Identify every line in the records below that contains the word "sizes", and copy each of those lines.
Segment Start: DATA FOR THIS EXERCISE
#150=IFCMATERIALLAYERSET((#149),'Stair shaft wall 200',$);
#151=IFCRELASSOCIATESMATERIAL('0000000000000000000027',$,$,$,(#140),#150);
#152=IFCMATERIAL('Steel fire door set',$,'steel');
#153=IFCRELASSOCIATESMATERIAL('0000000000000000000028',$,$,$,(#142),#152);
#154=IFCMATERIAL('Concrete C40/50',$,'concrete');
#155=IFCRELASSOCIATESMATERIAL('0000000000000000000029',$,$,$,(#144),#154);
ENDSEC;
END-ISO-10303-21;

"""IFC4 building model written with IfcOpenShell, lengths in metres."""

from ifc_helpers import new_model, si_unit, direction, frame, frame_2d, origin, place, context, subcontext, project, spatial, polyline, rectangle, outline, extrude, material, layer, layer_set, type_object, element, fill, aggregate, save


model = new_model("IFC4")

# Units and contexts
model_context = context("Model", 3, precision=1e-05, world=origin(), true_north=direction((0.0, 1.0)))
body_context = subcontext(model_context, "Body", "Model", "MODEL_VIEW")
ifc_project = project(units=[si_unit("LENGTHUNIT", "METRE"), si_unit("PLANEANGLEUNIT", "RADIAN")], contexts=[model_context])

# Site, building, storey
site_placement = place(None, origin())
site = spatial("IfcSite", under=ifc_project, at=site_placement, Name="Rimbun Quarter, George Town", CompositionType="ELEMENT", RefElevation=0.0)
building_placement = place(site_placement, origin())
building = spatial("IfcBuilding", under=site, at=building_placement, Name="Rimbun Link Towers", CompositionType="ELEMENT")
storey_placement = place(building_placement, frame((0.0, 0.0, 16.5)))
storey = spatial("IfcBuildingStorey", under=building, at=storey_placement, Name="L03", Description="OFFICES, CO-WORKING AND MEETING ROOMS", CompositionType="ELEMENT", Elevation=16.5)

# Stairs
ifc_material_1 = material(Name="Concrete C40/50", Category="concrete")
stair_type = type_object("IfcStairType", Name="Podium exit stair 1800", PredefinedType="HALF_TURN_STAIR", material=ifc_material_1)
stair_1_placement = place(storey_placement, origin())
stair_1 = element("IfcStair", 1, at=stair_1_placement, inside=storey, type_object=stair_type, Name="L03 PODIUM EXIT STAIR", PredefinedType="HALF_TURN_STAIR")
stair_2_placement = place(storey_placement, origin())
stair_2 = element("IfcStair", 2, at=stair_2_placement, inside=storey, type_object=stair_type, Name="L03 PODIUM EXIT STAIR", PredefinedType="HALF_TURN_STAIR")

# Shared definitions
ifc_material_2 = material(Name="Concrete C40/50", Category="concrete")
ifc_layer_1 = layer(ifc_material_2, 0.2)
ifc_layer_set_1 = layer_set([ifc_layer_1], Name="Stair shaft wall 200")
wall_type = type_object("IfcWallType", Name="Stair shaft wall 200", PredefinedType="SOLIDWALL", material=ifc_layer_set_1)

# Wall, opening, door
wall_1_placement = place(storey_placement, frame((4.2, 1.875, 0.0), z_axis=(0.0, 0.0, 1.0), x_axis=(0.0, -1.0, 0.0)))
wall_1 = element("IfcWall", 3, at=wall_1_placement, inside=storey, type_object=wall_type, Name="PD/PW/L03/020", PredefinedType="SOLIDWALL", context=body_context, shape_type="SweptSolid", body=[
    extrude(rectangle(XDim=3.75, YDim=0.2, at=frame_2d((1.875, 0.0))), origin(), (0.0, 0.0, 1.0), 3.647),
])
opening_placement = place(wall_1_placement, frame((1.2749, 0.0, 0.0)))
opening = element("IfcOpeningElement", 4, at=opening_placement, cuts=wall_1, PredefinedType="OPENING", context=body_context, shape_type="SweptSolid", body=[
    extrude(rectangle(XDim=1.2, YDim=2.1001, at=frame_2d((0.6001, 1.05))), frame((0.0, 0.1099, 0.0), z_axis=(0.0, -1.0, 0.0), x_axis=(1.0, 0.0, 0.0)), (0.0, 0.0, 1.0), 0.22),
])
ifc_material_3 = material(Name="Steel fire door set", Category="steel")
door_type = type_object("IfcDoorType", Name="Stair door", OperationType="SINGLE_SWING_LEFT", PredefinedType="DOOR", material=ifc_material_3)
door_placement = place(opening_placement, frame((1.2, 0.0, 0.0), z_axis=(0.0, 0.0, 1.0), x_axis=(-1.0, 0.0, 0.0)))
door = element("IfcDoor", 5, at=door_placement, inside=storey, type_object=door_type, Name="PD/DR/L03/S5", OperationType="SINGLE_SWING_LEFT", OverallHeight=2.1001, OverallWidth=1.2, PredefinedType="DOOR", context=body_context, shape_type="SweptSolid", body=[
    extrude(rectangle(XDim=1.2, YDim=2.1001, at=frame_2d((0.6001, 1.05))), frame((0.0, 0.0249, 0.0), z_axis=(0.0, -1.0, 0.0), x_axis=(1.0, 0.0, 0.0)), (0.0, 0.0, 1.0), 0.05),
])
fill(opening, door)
Segment End: DATA FOR THIS EXERCISE
Segment Start: DATA FOR THIS EXERCISE
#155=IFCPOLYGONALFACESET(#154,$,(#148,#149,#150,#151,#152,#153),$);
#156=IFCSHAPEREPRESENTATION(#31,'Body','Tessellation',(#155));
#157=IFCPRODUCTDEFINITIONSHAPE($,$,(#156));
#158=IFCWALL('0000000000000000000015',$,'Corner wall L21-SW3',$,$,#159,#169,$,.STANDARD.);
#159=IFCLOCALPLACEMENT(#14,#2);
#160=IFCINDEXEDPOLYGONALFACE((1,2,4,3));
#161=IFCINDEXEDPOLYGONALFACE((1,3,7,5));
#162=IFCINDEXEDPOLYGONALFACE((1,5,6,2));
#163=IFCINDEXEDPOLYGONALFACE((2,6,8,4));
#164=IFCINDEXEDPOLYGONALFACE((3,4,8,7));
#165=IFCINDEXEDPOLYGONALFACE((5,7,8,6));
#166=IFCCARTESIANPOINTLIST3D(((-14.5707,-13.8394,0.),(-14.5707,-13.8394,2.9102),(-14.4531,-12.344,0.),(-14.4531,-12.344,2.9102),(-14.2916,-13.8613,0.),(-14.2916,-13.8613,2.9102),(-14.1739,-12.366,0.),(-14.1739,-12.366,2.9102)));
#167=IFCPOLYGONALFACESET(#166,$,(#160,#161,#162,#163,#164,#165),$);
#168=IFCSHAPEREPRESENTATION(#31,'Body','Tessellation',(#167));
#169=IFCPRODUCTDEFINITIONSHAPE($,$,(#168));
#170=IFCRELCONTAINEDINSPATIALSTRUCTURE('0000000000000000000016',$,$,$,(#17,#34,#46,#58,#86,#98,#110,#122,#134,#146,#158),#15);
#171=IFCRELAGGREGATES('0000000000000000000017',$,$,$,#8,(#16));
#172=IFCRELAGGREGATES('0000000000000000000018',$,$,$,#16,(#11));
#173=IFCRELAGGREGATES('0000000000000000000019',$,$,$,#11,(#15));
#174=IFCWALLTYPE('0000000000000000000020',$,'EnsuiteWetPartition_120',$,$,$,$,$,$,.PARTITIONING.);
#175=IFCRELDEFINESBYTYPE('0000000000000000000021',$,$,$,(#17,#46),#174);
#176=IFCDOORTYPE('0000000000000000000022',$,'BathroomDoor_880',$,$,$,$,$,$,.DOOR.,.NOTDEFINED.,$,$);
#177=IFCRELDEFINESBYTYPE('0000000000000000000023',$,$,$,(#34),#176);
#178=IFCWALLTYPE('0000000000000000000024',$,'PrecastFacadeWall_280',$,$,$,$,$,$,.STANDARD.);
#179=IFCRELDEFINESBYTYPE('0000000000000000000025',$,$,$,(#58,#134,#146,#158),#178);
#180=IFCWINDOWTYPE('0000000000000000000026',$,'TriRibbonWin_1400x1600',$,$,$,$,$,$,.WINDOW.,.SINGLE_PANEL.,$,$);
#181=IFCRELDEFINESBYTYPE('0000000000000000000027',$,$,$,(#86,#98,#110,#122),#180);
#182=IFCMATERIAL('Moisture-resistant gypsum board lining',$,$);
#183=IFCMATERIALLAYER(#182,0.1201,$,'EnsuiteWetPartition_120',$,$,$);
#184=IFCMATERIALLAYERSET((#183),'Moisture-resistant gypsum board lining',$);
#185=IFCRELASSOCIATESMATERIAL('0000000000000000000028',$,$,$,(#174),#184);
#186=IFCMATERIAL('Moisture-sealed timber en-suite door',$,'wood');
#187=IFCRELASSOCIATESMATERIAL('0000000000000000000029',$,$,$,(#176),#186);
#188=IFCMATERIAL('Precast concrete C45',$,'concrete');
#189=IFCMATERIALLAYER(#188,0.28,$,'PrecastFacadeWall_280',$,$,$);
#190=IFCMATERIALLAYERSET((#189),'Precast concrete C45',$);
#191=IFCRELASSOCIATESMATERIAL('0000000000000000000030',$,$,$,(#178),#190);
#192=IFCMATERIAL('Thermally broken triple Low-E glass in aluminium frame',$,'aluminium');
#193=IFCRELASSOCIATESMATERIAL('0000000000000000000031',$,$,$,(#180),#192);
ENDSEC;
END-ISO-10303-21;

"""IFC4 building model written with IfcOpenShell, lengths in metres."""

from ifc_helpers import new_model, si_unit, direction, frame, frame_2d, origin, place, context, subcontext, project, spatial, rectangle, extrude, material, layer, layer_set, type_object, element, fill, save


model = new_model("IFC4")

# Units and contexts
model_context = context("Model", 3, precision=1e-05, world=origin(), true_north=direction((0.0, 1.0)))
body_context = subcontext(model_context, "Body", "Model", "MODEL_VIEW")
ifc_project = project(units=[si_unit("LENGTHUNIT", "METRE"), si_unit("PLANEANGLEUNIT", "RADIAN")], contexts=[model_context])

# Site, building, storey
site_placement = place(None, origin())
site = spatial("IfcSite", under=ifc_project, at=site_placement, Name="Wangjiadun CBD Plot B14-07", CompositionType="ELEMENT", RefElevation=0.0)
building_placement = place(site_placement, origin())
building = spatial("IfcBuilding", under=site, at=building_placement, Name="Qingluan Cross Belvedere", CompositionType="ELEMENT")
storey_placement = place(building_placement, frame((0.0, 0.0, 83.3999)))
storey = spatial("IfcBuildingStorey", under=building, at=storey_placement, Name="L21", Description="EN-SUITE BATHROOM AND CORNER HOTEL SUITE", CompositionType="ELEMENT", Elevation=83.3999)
Segment End: DATA FOR THIS EXERCISE
Segment Start: DATA FOR THIS EXERCISE
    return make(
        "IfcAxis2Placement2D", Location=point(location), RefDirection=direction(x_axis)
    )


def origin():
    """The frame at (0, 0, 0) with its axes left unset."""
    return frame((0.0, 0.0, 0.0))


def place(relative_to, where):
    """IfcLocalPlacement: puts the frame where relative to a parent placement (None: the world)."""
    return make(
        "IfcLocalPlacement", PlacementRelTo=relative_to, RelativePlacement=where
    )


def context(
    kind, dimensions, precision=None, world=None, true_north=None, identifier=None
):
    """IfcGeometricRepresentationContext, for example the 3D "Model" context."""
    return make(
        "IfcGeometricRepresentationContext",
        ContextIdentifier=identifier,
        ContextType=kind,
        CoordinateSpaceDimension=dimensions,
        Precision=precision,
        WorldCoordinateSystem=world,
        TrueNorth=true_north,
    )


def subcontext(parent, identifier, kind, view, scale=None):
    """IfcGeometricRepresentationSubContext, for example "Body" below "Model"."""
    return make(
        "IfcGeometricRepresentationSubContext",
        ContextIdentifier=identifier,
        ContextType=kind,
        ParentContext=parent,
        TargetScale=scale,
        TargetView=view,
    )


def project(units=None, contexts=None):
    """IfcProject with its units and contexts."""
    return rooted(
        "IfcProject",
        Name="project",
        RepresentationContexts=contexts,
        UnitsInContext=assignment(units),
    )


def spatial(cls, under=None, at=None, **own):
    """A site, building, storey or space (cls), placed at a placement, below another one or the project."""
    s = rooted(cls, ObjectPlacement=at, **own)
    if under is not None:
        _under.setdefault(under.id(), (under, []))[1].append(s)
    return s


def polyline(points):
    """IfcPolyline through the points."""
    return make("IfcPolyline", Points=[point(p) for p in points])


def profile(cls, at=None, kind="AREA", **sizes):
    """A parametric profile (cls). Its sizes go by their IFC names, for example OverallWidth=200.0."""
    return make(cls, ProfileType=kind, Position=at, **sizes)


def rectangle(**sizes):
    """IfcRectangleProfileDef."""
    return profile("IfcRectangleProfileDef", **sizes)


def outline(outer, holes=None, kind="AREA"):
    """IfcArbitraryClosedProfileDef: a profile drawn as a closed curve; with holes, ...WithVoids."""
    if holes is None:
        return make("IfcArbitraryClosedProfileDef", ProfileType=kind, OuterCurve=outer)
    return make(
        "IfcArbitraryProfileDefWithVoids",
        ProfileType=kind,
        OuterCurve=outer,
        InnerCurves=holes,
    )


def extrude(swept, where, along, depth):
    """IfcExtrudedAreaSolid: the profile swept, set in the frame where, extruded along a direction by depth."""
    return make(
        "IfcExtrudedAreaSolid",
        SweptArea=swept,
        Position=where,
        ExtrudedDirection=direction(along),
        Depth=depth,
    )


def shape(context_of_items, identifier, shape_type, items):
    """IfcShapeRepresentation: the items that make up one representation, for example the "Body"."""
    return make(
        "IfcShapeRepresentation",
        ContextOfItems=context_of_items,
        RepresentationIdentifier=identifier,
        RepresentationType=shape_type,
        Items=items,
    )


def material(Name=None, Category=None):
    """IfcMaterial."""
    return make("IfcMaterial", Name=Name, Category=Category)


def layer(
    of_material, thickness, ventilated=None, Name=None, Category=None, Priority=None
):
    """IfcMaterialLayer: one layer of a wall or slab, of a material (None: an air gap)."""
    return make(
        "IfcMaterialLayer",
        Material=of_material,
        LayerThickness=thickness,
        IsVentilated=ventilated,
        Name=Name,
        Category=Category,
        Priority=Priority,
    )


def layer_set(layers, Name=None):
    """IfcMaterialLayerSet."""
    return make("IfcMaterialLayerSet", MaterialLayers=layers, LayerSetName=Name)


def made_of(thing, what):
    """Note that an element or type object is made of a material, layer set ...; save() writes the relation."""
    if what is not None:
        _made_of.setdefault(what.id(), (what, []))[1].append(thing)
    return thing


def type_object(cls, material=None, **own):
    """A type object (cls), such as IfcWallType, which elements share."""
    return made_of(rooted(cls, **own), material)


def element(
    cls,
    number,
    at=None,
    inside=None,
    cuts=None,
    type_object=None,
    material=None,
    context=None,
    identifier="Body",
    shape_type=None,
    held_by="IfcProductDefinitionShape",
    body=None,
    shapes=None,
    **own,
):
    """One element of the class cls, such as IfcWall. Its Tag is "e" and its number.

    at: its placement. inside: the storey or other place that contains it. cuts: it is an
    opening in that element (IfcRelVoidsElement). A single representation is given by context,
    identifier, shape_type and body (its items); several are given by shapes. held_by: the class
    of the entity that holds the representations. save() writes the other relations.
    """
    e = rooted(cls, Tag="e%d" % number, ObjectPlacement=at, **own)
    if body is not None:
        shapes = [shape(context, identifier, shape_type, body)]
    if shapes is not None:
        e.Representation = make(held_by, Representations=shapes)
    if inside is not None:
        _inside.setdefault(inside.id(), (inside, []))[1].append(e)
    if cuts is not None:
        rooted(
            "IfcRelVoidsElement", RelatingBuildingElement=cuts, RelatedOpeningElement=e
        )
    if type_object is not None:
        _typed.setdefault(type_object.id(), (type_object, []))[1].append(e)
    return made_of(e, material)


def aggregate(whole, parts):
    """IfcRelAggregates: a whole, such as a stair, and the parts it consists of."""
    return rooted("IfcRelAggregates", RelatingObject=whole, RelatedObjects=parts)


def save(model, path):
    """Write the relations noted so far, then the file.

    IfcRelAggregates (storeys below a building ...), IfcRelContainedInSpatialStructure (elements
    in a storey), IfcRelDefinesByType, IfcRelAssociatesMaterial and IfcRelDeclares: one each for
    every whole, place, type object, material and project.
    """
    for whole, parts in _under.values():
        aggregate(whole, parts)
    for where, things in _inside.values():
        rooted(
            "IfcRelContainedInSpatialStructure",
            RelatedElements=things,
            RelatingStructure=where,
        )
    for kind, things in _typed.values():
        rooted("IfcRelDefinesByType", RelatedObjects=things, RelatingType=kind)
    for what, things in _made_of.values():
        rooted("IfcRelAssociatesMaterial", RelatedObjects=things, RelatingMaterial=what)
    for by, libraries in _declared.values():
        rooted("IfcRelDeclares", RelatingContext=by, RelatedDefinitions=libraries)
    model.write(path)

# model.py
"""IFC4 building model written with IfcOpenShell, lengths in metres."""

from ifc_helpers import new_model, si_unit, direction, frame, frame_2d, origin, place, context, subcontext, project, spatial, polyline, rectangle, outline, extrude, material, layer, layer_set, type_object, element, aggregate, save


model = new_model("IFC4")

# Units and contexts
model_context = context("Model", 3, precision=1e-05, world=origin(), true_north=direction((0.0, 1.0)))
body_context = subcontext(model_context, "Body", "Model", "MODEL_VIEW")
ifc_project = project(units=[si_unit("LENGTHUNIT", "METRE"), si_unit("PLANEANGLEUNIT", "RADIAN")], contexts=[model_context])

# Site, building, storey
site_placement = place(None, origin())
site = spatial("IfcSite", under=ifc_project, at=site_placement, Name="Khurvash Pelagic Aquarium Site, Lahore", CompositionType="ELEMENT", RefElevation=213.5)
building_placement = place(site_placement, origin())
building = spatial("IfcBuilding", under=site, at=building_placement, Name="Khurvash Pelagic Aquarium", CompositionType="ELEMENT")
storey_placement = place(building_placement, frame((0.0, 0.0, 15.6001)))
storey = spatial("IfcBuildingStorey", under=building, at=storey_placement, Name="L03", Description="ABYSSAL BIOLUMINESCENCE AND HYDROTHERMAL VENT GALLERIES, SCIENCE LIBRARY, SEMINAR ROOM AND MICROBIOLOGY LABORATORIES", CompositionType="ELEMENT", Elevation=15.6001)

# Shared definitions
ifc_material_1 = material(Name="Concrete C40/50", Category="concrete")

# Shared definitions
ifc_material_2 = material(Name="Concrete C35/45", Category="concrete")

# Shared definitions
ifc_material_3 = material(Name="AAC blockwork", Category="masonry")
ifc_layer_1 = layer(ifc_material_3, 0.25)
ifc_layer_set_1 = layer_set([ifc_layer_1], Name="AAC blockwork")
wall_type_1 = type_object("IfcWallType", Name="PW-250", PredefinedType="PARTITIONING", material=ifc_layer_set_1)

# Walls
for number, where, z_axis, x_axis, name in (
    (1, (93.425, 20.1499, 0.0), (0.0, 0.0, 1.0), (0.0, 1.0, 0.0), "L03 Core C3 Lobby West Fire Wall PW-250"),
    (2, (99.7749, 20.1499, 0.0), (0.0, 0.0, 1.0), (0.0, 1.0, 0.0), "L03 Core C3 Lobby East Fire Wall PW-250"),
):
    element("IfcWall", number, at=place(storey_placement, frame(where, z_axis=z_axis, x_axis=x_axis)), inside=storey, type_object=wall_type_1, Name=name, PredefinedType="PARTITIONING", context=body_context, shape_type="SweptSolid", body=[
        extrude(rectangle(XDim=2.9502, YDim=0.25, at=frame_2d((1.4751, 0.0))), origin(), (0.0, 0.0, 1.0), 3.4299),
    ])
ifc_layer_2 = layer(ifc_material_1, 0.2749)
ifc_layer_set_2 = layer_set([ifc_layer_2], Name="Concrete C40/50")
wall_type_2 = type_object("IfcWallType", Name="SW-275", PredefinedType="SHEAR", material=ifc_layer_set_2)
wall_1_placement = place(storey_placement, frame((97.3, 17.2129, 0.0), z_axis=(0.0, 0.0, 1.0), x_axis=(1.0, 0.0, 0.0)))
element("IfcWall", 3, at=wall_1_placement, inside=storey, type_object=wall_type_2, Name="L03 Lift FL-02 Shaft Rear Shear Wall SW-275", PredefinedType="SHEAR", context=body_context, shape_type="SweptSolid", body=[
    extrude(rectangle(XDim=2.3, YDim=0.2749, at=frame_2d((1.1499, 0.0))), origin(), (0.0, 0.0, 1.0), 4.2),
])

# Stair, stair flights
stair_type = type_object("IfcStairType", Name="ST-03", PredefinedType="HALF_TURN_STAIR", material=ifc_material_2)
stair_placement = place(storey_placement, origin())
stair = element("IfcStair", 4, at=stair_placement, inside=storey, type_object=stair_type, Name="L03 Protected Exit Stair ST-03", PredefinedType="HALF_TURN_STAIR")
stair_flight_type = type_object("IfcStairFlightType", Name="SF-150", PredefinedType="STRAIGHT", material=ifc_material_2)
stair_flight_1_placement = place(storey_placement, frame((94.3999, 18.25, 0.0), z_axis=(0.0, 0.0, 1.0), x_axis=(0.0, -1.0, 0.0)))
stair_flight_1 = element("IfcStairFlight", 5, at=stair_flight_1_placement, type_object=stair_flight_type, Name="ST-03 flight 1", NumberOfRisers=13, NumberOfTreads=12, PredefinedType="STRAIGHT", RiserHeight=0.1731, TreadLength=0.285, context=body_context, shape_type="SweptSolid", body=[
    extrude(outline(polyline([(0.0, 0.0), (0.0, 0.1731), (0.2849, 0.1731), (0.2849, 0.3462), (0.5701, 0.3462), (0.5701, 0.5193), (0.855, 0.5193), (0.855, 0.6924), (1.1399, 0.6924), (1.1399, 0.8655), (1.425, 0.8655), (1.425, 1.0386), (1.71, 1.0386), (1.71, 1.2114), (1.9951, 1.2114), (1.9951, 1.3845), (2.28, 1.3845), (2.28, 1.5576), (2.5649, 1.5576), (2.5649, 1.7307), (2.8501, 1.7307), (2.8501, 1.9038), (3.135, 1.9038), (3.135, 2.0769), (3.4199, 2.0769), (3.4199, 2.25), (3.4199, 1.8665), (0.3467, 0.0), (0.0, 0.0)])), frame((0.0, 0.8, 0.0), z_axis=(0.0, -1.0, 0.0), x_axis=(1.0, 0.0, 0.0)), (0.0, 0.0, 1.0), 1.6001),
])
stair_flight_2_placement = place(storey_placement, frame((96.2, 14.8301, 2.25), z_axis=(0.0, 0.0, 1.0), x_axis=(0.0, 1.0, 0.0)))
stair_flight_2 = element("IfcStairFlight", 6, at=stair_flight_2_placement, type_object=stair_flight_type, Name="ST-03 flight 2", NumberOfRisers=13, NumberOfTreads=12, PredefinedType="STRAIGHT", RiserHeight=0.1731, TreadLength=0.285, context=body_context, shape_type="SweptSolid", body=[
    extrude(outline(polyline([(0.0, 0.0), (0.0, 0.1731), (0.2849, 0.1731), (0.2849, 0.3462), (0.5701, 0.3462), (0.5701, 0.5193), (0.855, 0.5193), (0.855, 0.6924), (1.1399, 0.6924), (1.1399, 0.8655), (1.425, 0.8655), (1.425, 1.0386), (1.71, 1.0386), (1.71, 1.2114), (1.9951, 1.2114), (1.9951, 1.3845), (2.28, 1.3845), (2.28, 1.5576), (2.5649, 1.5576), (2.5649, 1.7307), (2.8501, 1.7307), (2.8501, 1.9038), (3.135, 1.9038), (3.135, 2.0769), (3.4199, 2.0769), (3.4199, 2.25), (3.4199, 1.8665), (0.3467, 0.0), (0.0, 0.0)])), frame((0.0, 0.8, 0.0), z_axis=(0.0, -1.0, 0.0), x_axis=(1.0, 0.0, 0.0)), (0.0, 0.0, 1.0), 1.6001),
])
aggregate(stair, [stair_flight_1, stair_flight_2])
Segment End: DATA FOR THIS EXERCISE
OUTPUT OF THE EXERCISE |
def profile(cls, at=None, kind="AREA", **sizes):
    """A parametric profile (cls). Its sizes go by their IFC names, for example OverallWidth=200.0."""
    return make(cls, ProfileType=kind, Position=at, **sizes)
def rectangle(**sizes):
    return profile("IfcRectangleProfileDef", **sizes)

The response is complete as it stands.